- WHAT IS REQUIRED -
Transcribe exactly everything in the data below from the line containing "#148=IFCRELAGGREGATES('0000000000000000000007',$,$,$,#8,(#16));" down to the line containing "#153=IFCMATERIAL('Brushed stainless steel", both lines included and nothing further.

- DATA EXTRACTS -
▬▬▬▬▬▬

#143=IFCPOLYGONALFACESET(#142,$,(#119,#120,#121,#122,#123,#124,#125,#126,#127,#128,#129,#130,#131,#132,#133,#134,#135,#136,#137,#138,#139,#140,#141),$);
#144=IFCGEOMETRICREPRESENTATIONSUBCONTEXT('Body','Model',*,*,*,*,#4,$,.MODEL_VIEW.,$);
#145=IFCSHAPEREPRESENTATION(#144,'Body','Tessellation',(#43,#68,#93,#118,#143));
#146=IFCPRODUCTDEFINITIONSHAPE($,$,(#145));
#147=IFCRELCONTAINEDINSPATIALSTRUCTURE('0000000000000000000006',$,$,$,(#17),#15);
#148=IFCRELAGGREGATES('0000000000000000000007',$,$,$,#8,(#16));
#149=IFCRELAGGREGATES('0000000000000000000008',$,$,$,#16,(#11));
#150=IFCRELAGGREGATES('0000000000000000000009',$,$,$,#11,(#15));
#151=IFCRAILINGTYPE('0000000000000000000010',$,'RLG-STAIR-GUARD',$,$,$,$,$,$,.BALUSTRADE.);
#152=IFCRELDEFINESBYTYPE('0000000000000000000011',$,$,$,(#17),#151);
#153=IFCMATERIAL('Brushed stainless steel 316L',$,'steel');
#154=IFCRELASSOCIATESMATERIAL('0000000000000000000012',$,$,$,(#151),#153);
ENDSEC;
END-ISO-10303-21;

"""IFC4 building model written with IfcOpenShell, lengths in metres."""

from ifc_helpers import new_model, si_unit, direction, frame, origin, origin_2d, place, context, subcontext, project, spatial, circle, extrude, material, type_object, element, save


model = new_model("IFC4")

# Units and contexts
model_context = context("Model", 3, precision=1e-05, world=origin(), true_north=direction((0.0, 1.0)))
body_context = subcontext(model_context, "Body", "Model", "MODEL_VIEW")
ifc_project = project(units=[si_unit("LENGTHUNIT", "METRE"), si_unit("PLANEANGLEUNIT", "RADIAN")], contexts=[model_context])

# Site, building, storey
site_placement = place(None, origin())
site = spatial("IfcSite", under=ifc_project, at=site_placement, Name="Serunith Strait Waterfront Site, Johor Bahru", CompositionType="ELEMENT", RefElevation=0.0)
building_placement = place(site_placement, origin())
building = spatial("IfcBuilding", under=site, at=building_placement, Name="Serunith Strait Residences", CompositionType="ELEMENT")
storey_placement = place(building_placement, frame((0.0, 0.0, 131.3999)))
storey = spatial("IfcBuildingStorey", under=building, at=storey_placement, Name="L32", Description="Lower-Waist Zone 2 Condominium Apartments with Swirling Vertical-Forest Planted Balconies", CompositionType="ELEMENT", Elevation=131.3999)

▬▬▬▬▬▬

- RESULT FOR THIS TASK -
#148=IFCRELAGGREGATES('0000000000000000000007',$,$,$,#8,(#16));
#149=IFCRELAGGREGATES('0000000000000000000008',$,$,$,#16,(#11));
#150=IFCRELAGGREGATES('0000000000000000000009',$,$,$,#11,(#15));
#151=IFCRAILINGTYPE('0000000000000000000010',$,'RLG-STAIR-GUARD',$,$,$,$,$,$,.BALUSTRADE.);
#152=IFCRELDEFINESBYTYPE('0000000000000000000011',$,$,$,(#17),#151);
#153=IFCMATERIAL('Brushed stainless steel 316L',$,'steel');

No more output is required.